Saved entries

== Segment start ==

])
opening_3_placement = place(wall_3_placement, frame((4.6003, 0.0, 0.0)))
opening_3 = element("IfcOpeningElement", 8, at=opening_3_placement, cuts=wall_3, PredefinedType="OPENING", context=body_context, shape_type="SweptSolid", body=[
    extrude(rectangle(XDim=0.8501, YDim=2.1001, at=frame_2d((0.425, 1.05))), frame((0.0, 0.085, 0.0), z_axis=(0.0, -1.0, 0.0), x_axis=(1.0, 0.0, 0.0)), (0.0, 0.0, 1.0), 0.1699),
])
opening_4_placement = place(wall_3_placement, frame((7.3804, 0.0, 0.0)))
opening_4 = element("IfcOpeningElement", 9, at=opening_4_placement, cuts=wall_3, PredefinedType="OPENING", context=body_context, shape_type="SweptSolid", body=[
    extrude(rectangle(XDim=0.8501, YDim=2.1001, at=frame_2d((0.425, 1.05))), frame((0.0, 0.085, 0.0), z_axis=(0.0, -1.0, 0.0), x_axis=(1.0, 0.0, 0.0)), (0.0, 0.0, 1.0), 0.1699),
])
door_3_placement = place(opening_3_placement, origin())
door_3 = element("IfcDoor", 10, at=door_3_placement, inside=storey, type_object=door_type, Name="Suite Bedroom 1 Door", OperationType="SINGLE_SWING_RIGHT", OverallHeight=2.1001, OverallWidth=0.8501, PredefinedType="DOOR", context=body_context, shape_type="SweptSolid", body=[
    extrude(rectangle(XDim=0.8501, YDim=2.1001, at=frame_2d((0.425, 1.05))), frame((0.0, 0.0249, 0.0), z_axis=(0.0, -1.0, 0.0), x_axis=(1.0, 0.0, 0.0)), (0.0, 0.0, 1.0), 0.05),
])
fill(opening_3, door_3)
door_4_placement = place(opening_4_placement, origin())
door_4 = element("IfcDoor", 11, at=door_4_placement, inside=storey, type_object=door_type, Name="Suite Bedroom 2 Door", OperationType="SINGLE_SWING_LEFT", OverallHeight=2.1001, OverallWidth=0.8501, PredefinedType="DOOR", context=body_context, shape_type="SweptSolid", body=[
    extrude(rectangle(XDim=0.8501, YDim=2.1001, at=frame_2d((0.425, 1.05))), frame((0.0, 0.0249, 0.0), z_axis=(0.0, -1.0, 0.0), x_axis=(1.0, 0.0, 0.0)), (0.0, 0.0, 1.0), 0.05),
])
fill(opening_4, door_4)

== Segment end ==
== Segment start ==

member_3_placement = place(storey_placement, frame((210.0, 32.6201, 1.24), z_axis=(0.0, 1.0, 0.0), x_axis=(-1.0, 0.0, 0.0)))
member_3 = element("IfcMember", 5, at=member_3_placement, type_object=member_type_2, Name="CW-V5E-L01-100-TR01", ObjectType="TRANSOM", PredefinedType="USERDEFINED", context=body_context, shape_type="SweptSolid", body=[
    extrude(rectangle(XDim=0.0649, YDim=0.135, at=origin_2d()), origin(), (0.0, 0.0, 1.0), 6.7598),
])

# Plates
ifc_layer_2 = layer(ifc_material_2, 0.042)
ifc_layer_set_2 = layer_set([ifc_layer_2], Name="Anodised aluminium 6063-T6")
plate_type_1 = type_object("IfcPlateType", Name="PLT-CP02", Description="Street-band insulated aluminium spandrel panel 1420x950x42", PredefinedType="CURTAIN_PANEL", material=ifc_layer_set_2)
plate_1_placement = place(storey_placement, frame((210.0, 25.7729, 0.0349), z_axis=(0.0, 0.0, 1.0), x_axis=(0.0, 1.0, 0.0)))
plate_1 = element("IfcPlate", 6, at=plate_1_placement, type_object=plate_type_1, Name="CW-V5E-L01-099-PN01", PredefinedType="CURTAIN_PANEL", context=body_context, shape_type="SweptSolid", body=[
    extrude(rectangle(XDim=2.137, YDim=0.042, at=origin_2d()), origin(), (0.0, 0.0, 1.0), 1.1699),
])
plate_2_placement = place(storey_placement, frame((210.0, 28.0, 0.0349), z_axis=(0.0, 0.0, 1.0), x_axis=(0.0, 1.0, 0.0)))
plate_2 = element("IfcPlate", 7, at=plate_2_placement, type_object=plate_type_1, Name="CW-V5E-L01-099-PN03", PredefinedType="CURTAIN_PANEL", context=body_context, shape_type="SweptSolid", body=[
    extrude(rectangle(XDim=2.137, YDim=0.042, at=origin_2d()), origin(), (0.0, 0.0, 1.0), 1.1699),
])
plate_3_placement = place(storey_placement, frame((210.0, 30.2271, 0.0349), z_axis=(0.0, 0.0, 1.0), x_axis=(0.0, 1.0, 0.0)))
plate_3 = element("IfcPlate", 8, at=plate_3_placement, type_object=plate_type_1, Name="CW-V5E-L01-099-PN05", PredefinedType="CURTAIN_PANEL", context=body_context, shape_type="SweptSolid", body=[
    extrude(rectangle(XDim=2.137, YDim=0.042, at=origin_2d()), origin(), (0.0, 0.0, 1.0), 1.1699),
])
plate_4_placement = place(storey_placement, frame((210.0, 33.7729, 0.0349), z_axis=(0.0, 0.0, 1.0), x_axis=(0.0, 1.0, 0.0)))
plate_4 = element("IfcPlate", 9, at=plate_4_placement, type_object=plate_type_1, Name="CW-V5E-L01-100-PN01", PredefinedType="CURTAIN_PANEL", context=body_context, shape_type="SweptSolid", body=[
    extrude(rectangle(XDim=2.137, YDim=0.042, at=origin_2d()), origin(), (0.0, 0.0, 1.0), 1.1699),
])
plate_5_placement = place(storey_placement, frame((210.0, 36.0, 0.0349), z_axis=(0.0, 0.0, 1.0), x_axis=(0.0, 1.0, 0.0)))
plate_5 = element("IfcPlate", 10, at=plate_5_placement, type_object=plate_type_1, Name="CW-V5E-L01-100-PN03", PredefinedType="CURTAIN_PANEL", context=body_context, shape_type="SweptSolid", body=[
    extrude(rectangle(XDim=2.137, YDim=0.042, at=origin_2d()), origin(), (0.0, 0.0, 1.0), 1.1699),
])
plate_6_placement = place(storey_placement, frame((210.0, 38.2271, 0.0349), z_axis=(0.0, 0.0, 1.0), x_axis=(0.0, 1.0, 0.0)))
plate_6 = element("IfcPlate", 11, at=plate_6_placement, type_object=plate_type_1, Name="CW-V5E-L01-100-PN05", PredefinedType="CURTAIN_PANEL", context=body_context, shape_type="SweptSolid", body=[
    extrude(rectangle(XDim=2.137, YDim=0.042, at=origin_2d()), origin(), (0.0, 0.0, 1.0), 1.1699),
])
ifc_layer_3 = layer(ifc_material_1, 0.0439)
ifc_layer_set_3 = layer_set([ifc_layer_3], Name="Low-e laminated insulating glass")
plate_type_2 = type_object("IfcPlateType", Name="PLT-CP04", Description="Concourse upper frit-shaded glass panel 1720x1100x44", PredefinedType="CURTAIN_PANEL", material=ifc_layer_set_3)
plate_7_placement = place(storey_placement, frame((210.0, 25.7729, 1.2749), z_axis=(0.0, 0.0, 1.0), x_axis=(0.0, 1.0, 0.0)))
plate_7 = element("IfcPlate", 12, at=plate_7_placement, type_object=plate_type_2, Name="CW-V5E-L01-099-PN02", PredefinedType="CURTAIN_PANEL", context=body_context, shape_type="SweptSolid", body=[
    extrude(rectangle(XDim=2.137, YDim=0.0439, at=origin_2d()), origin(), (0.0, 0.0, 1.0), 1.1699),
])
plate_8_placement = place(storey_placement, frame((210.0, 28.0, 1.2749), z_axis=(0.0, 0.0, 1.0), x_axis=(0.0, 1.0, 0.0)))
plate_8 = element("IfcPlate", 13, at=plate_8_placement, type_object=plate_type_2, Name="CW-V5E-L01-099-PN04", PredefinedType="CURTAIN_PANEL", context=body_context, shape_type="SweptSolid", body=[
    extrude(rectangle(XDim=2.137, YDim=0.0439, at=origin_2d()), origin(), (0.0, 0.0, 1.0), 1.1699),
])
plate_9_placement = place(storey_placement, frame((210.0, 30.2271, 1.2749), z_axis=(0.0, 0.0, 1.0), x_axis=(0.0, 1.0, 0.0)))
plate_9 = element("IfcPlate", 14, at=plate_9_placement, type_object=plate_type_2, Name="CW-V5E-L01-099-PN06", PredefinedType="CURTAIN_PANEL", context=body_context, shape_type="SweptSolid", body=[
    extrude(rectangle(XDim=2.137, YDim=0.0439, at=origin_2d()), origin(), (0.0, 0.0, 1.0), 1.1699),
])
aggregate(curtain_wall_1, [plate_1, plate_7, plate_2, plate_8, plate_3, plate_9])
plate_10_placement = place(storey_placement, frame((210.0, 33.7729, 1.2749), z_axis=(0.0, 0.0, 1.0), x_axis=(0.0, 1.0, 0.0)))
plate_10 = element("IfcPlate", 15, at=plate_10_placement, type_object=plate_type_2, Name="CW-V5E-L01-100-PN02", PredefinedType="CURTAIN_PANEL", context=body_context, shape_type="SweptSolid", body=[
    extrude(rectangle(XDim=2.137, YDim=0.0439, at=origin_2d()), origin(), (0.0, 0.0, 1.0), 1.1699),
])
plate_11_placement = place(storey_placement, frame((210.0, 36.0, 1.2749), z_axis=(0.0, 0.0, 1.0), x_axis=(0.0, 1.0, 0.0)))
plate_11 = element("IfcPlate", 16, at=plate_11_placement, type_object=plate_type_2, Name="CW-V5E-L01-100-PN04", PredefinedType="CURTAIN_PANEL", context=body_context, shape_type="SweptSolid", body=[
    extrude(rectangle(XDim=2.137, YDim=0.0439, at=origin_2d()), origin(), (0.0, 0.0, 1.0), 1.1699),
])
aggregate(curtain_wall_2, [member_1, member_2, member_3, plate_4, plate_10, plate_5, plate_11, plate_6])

== Segment end ==

Your assignment
Please give an exact copy of the entries above, from the line with "door_4_placement = place(opening_4_placement, origin())" down to the line with "fill(opening_4, door_4)", inclusive, and nothing else.

Task response
door_4_placement = place(opening_4_placement, origin())
door_4 = element("IfcDoor", 11, at=door_4_placement, inside=storey, type_object=door_type, Name="Suite Bedroom 2 Door", OperationType="SINGLE_SWING_LEFT", OverallHeight=2.1001, OverallWidth=0.8501, PredefinedType="DOOR", context=body_context, shape_type="SweptSolid", body=[
    extrude(rectangle(XDim=0.8501, YDim=2.1001, at=frame_2d((0.425, 1.05))), frame((0.0, 0.0249, 0.0), z_axis=(0.0, -1.0, 0.0), x_axis=(1.0, 0.0, 0.0)), (0.0, 0.0, 1.0), 0.05),
])
fill(opening_4, door_4)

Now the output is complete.